**Activity**
A stretch of the entries below is to be set down exactly, running from the line with "#34=IFCINDEXEDPOLYGONALFACE((24,28,30,26));" through the line with "#52=IFCINDEXEDPOLYGONALFACE((11,12,16,15));", both included, and no other line.

**Record excerpts**

..........

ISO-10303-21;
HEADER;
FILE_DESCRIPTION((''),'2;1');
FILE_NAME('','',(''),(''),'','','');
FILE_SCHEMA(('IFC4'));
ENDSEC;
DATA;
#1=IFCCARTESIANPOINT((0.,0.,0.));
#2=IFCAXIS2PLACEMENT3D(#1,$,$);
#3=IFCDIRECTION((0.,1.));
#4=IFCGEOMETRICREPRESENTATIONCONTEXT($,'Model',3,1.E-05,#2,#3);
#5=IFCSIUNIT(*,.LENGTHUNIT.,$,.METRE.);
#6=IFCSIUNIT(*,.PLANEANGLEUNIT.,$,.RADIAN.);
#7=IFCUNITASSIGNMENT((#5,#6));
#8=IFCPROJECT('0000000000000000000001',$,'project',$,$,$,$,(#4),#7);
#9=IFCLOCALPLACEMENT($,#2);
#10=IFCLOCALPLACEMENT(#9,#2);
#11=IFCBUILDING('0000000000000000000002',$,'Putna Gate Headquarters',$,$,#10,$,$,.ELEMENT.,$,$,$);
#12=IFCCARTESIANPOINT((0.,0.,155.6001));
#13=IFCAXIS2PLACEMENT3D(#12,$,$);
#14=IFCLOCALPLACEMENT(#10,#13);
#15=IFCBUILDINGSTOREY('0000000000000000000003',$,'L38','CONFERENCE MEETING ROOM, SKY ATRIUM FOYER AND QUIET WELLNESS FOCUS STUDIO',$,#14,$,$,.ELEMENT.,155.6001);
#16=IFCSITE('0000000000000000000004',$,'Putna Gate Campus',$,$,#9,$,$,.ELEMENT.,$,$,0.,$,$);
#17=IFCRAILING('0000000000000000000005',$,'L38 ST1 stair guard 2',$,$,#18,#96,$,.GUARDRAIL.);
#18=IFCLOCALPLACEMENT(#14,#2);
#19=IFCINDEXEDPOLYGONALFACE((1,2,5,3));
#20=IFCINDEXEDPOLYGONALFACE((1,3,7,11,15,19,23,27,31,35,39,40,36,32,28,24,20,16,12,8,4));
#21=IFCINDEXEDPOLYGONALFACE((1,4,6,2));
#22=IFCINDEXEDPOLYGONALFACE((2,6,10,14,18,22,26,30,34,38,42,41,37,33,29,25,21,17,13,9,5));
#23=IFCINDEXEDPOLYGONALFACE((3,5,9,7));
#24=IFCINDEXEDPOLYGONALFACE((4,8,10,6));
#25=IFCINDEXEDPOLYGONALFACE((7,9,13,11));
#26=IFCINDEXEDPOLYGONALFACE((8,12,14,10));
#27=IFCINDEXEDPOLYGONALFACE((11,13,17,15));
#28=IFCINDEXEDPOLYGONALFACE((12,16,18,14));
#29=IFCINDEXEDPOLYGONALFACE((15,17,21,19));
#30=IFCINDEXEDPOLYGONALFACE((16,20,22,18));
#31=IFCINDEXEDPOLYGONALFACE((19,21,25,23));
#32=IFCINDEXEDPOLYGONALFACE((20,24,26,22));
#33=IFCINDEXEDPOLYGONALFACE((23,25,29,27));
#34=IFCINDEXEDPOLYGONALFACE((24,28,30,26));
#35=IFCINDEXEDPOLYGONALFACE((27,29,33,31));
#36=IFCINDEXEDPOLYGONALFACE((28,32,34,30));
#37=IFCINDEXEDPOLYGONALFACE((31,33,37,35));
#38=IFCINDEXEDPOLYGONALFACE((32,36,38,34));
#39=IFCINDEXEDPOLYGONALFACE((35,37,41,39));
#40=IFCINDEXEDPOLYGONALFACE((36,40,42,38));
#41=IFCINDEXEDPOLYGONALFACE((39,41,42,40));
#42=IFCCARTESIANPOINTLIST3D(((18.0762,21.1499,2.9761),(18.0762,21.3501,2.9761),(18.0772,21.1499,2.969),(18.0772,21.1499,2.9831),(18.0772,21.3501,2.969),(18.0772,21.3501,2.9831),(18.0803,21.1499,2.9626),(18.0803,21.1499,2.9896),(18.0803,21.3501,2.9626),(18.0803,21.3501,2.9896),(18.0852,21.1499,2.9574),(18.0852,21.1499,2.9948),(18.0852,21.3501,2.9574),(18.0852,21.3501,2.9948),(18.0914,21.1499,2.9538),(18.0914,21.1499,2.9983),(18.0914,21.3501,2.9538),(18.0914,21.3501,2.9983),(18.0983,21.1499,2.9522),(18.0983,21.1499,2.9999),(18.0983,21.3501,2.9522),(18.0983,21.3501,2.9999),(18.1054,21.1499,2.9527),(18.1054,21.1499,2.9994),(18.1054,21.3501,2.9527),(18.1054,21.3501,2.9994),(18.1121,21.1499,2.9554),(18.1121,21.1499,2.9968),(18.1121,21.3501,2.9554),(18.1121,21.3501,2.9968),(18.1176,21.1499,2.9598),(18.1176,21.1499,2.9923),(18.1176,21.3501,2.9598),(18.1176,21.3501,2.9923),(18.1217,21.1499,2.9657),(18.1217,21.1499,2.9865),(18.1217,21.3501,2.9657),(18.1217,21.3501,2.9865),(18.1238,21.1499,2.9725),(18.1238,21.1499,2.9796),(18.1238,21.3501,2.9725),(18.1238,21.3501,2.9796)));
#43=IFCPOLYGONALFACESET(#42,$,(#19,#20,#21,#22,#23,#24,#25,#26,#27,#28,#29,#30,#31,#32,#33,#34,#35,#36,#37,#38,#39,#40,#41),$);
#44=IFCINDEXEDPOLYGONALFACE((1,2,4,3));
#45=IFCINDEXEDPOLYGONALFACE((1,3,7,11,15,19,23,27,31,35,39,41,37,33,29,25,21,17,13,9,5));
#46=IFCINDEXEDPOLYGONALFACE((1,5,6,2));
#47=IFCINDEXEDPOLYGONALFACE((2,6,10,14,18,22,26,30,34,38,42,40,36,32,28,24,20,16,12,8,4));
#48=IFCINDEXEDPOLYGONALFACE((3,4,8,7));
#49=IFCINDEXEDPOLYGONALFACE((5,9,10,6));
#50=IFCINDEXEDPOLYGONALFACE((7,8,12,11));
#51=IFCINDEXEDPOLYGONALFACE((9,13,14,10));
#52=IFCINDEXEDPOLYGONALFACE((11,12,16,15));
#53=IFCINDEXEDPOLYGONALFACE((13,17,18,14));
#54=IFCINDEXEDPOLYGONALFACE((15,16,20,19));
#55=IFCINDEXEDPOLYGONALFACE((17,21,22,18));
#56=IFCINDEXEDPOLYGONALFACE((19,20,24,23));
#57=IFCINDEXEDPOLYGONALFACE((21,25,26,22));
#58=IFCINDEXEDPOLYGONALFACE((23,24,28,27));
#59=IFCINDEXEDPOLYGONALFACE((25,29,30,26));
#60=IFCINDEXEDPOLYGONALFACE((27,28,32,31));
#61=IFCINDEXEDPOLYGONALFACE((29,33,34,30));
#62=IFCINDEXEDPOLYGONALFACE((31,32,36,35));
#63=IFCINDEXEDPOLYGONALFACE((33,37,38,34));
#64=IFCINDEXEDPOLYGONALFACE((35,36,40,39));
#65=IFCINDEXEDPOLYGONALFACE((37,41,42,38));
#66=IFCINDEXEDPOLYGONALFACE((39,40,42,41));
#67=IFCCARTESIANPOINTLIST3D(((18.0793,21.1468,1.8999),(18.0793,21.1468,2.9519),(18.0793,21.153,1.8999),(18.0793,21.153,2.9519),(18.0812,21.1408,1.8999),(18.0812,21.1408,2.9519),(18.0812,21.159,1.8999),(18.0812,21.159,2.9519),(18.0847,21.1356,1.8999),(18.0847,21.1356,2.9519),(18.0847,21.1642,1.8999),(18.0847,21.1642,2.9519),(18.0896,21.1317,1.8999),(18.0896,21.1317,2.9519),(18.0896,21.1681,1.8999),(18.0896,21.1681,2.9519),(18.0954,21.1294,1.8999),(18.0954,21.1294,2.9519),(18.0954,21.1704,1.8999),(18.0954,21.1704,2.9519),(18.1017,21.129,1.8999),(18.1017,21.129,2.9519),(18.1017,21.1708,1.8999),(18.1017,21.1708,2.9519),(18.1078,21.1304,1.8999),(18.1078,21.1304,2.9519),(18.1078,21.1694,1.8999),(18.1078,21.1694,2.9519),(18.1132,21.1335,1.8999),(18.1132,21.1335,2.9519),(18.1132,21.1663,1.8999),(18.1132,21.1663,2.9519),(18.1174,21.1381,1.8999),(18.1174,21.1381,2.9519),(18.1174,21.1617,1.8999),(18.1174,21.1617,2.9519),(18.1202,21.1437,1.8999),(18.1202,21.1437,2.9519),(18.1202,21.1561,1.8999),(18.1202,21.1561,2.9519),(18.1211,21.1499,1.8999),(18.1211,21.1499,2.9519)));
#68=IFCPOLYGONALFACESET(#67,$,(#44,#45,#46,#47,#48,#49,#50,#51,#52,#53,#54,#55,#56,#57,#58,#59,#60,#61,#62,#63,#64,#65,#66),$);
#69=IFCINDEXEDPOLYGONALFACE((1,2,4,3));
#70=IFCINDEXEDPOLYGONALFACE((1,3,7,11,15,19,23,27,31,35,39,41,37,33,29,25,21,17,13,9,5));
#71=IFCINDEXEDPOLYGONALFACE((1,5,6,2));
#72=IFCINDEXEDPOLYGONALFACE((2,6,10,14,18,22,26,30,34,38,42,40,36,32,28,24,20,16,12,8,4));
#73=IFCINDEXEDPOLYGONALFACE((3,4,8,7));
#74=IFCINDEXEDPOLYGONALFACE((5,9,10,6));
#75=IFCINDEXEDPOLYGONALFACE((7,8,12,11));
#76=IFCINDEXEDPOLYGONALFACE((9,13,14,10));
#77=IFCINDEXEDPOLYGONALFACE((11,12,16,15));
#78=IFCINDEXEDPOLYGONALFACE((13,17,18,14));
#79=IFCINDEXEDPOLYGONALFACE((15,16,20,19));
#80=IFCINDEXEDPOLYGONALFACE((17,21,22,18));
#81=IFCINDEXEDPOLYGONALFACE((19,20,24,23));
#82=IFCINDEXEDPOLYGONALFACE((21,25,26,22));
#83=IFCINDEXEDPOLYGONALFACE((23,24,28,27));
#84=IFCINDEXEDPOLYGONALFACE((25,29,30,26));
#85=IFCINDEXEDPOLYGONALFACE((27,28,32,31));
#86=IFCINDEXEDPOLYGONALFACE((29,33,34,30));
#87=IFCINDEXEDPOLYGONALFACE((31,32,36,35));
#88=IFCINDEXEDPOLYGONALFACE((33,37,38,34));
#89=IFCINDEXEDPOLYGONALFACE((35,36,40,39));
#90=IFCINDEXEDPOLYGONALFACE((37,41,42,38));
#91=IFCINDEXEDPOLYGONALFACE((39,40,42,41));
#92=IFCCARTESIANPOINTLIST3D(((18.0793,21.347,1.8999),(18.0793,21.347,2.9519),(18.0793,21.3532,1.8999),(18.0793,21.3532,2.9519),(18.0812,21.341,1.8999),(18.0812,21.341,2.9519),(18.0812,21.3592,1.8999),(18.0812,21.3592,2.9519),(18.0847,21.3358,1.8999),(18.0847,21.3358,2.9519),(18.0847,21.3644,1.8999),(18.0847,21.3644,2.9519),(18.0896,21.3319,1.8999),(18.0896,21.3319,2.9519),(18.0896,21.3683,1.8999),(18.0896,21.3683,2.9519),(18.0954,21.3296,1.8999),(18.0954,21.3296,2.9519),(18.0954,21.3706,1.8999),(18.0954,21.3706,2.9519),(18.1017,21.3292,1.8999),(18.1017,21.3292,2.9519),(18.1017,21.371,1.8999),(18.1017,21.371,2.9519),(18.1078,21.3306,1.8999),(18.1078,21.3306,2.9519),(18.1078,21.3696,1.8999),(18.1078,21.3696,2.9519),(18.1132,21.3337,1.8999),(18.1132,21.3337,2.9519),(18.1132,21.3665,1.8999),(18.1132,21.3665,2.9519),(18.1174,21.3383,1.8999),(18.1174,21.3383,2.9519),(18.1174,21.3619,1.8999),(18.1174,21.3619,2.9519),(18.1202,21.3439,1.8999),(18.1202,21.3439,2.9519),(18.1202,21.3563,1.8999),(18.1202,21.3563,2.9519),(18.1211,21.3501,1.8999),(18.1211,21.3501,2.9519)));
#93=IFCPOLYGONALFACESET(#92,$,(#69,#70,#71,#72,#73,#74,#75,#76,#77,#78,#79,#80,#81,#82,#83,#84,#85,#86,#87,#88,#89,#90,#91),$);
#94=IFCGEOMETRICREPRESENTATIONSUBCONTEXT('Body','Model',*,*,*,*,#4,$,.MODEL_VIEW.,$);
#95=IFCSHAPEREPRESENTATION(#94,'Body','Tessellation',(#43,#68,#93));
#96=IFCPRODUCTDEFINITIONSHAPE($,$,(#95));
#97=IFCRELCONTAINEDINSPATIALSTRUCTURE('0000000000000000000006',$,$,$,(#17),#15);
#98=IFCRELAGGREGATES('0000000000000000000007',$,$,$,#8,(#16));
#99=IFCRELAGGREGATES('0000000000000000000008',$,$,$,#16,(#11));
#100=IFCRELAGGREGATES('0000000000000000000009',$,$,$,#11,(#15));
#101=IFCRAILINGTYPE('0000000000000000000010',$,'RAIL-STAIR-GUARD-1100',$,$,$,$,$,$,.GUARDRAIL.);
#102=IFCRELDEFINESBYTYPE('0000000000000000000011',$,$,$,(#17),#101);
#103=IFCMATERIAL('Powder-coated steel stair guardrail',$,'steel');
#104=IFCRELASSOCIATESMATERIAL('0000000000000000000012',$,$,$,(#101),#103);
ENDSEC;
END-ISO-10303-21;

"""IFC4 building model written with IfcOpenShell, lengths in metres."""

from ifc_helpers import new_model, si_unit, direction, frame, origin, origin_2d, place, context, subcontext, project, spatial, circle, extrude, material, type_object, element, save


model = new_model("IFC4")

# Units and contexts
model_context = context("Model", 3, precision=1e-05, world=origin(), true_north=direction((0.0, 1.0)))
body_context = subcontext(model_context, "Body", "Model", "MODEL_VIEW")
ifc_project = project(units=[si_unit("LENGTHUNIT", "METRE"), si_unit("PLANEANGLEUNIT", "RADIAN")], contexts=[model_context])

# Site, building, storey
site_placement = place(None, origin())
site = spatial("IfcSite", under=ifc_project, at=site_placement, Name="Putna Gate Campus", CompositionType="ELEMENT", RefElevation=0.0)
building_placement = place(site_placement, origin())
building = spatial("IfcBuilding", under=site, at=building_placement, Name="Putna Gate Headquarters", CompositionType="ELEMENT")
storey_placement = place(building_placement, frame((0.0, 0.0, 155.6001)))
storey = spatial("IfcBuildingStorey", under=building, at=storey_placement, Name="L38", Description="CONFERENCE MEETING ROOM, SKY ATRIUM FOYER AND QUIET WELLNESS FOCUS STUDIO", CompositionType="ELEMENT", Elevation=155.6001)

# Railing
ifc_material_1 = material(Name="Powder-coated steel stair guardrail", Category="steel")
railing_type_1 = type_object("IfcRailingType", Name="RAIL-STAIR-GUARD-1100", PredefinedType="GUARDRAIL", material=ifc_material_1)
railing_1_placement = place(storey_placement, frame((18.1001, 21.1499, 1.8999)))
element("IfcRailing", 1, at=railing_1_placement, inside=storey, type_object=railing_type_1, Name="L38 ST1 stair guard 2", PredefinedType="GUARDRAIL", context=body_context, shape_type="SweptSolid", body=[
    extrude(circle(Radius=0.0239, at=origin_2d()), frame((0.0, 0.0, 1.0762), z_axis=(0.0, 1.0, 0.0), x_axis=(-1.0, 0.0, 0.0)), (0.0, 0.0, 1.0), 0.2002),
    extrude(circle(Radius=0.021, at=origin_2d()), origin(), (0.0, 0.0, 1.0), 1.052),
    extrude(circle(Radius=0.021, at=origin_2d()), frame((0.0, 0.2002, 0.0)), (0.0, 0.0, 1.0), 1.052),
])

save(model, "model.ifc")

..........

**Answer to this task**
#34=IFCINDEXEDPOLYGONALFACE((24,28,30,26));
#35=IFCINDEXEDPOLYGONALFACE((27,29,33,31));
#36=IFCINDEXEDPOLYGONALFACE((28,32,34,30));
#37=IFCINDEXEDPOLYGONALFACE((31,33,37,35));
#38=IFCINDEXEDPOLYGONALFACE((32,36,38,34));
#39=IFCINDEXEDPOLYGONALFACE((35,37,41,39));
#40=IFCINDEXEDPOLYGONALFACE((36,40,42,38));
#41=IFCINDEXEDPOLYGONALFACE((39,41,42,40));
#42=IFCCARTESIANPOINTLIST3D(((18.0762,21.1499,2.9761),(18.0762,21.3501,2.9761),(18.0772,21.1499,2.969),(18.0772,21.1499,2.9831),(18.0772,21.3501,2.969),(18.0772,21.3501,2.9831),(18.0803,21.1499,2.9626),(18.0803,21.1499,2.9896),(18.0803,21.3501,2.9626),(18.0803,21.3501,2.9896),(18.0852,21.1499,2.9574),(18.0852,21.1499,2.9948),(18.0852,21.3501,2.9574),(18.0852,21.3501,2.9948),(18.0914,21.1499,2.9538),(18.0914,21.1499,2.9983),(18.0914,21.3501,2.9538),(18.0914,21.3501,2.9983),(18.0983,21.1499,2.9522),(18.0983,21.1499,2.9999),(18.0983,21.3501,2.9522),(18.0983,21.3501,2.9999),(18.1054,21.1499,2.9527),(18.1054,21.1499,2.9994),(18.1054,21.3501,2.9527),(18.1054,21.3501,2.9994),(18.1121,21.1499,2.9554),(18.1121,21.1499,2.9968),(18.1121,21.3501,2.9554),(18.1121,21.3501,2.9968),(18.1176,21.1499,2.9598),(18.1176,21.1499,2.9923),(18.1176,21.3501,2.9598),(18.1176,21.3501,2.9923),(18.1217,21.1499,2.9657),(18.1217,21.1499,2.9865),(18.1217,21.3501,2.9657),(18.1217,21.3501,2.9865),(18.1238,21.1499,2.9725),(18.1238,21.1499,2.9796),(18.1238,21.3501,2.9725),(18.1238,21.3501,2.9796)));
#43=IFCPOLYGONALFACESET(#42,$,(#19,#20,#21,#22,#23,#24,#25,#26,#27,#28,#29,#30,#31,#32,#33,#34,#35,#36,#37,#38,#39,#40,#41),$);
#44=IFCINDEXEDPOLYGONALFACE((1,2,4,3));
#45=IFCINDEXEDPOLYGONALFACE((1,3,7,11,15,19,23,27,31,35,39,41,37,33,29,25,21,17,13,9,5));
#46=IFCINDEXEDPOLYGONALFACE((1,5,6,2));
#47=IFCINDEXEDPOLYGONALFACE((2,6,10,14,18,22,26,30,34,38,42,40,36,32,28,24,20,16,12,8,4));
#48=IFCINDEXEDPOLYGONALFACE((3,4,8,7));
#49=IFCINDEXEDPOLYGONALFACE((5,9,10,6));
#50=IFCINDEXEDPOLYGONALFACE((7,8,12,11));
#51=IFCINDEXEDPOLYGONALFACE((9,13,14,10));
#52=IFCINDEXEDPOLYGONALFACE((11,12,16,15));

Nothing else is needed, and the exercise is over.